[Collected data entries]
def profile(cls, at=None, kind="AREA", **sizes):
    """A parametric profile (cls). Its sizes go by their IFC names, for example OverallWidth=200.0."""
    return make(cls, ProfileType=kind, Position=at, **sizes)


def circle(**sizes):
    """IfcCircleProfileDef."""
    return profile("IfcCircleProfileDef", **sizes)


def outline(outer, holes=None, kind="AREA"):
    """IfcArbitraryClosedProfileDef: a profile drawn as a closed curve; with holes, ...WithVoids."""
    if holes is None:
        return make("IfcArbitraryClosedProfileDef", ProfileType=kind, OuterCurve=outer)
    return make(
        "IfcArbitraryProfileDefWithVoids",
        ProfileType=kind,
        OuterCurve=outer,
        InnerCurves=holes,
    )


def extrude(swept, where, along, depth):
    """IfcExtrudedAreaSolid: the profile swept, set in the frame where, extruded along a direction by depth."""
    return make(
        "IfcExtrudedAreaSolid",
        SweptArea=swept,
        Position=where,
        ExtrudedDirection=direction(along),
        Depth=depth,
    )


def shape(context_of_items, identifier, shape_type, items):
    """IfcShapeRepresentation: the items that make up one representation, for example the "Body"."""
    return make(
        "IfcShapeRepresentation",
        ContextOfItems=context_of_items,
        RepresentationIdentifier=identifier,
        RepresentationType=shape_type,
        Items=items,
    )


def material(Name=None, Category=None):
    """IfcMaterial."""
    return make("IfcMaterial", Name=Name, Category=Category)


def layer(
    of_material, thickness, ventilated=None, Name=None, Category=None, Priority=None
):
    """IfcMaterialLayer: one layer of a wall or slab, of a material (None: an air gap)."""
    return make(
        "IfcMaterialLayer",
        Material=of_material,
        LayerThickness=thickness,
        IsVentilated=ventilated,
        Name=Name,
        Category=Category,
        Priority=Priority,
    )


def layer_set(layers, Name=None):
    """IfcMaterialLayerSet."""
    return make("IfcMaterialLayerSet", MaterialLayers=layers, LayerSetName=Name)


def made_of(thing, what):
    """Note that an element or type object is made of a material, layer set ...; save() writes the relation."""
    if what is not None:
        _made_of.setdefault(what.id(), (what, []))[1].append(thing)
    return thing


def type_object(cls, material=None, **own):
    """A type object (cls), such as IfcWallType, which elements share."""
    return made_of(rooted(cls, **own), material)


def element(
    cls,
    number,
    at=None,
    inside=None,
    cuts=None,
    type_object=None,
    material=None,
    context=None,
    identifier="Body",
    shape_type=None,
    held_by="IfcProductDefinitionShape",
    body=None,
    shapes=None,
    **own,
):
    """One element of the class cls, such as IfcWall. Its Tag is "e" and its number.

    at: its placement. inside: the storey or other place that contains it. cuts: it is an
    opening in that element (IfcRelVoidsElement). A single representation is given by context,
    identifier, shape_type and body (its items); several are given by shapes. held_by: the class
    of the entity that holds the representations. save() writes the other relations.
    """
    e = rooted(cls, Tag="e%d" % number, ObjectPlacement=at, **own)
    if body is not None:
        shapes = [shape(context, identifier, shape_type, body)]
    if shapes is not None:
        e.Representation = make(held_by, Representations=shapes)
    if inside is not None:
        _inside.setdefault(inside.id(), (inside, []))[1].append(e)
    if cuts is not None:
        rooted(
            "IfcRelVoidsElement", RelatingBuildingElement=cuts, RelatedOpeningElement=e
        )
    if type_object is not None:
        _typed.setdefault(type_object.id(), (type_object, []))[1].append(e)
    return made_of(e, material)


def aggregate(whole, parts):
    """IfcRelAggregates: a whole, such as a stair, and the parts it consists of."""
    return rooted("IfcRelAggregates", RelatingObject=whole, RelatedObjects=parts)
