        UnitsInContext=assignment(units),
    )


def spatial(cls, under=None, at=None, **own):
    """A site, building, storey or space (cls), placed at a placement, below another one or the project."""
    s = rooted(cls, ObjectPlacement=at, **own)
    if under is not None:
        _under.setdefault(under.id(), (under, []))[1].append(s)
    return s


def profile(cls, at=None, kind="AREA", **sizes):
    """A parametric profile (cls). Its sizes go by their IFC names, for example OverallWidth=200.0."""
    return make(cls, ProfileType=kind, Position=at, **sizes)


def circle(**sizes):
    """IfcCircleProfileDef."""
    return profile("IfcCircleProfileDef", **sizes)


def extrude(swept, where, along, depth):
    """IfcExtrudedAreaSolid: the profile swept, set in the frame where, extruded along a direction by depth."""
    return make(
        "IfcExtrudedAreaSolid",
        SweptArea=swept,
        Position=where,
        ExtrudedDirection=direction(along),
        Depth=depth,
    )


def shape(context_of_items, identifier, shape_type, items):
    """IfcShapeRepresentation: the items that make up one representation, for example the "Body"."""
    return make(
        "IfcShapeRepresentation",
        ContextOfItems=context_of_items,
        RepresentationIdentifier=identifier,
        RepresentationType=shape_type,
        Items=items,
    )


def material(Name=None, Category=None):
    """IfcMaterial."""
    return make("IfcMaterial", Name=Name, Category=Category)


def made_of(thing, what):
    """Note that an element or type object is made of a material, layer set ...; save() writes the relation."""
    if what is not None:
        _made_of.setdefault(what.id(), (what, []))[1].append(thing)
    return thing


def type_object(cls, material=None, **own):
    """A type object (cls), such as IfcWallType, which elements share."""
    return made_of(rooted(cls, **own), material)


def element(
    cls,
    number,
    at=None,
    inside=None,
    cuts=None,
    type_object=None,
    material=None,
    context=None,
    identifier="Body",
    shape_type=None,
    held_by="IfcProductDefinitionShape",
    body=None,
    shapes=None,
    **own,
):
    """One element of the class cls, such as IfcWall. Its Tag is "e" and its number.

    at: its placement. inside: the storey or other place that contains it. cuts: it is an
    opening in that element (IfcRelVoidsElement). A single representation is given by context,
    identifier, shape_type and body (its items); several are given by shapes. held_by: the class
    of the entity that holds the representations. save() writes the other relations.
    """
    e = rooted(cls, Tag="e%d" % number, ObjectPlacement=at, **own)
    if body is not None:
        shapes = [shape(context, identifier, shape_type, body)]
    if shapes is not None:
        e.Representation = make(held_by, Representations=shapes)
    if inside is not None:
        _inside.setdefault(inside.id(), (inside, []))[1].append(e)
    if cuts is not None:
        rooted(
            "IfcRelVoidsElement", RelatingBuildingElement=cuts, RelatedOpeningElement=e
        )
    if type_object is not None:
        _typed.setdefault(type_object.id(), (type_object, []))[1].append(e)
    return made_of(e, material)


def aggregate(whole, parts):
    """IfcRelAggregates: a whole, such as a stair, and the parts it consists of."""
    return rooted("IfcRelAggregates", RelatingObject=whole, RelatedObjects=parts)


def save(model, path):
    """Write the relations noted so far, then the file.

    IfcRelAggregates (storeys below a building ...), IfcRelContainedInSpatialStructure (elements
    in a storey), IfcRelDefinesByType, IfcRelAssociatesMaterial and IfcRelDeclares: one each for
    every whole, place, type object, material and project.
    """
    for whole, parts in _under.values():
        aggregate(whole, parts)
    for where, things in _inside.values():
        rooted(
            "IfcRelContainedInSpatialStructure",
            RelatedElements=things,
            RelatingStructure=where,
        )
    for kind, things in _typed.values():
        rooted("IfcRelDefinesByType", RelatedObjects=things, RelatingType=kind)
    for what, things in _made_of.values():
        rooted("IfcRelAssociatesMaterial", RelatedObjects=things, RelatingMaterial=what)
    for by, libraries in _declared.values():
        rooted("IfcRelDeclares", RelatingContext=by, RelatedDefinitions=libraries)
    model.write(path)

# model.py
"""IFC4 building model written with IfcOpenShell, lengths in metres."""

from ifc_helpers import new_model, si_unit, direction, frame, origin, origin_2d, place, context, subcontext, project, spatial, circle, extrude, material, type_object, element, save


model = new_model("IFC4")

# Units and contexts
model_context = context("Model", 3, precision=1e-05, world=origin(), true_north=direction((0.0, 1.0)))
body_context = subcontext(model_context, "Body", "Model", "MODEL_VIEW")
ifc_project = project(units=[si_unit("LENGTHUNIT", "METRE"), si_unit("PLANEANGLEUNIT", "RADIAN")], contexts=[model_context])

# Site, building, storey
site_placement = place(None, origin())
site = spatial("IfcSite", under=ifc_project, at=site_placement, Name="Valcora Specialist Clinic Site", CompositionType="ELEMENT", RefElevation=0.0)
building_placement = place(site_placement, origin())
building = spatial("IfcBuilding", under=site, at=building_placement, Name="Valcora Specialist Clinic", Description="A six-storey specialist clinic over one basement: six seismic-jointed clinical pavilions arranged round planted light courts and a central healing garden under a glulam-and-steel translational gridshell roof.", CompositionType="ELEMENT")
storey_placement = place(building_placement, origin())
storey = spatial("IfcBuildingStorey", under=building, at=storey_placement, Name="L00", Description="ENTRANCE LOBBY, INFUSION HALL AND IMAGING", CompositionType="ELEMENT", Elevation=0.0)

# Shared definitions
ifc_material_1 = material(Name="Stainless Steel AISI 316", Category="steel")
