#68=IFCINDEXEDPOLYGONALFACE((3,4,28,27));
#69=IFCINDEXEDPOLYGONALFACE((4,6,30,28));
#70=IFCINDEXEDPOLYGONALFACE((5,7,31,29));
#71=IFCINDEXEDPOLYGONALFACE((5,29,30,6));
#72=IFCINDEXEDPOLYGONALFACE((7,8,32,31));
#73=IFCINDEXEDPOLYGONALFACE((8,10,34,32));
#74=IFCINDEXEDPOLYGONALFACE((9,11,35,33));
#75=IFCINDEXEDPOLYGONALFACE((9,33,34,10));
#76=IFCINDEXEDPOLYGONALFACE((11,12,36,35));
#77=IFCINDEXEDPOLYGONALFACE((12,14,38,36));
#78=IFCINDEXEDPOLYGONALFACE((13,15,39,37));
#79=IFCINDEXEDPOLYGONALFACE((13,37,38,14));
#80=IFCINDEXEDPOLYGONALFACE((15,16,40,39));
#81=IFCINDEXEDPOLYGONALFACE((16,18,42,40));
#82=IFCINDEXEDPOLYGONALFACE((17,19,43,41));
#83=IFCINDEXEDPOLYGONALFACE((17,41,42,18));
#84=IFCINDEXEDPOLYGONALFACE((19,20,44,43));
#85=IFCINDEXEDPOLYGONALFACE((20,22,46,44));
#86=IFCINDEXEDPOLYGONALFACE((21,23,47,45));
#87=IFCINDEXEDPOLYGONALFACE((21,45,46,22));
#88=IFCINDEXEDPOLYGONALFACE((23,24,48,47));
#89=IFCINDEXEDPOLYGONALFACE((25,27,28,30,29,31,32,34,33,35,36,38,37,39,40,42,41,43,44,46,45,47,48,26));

[Work order] Every line above that includes the word "IfcArbitraryClosedProfileDef" should be listed.

[Answer below]
    """IfcArbitraryClosedProfileDef: a profile drawn as a closed curve; with holes, ...WithVoids."""
        return make("IfcArbitraryClosedProfileDef", ProfileType=kind, OuterCurve=outer)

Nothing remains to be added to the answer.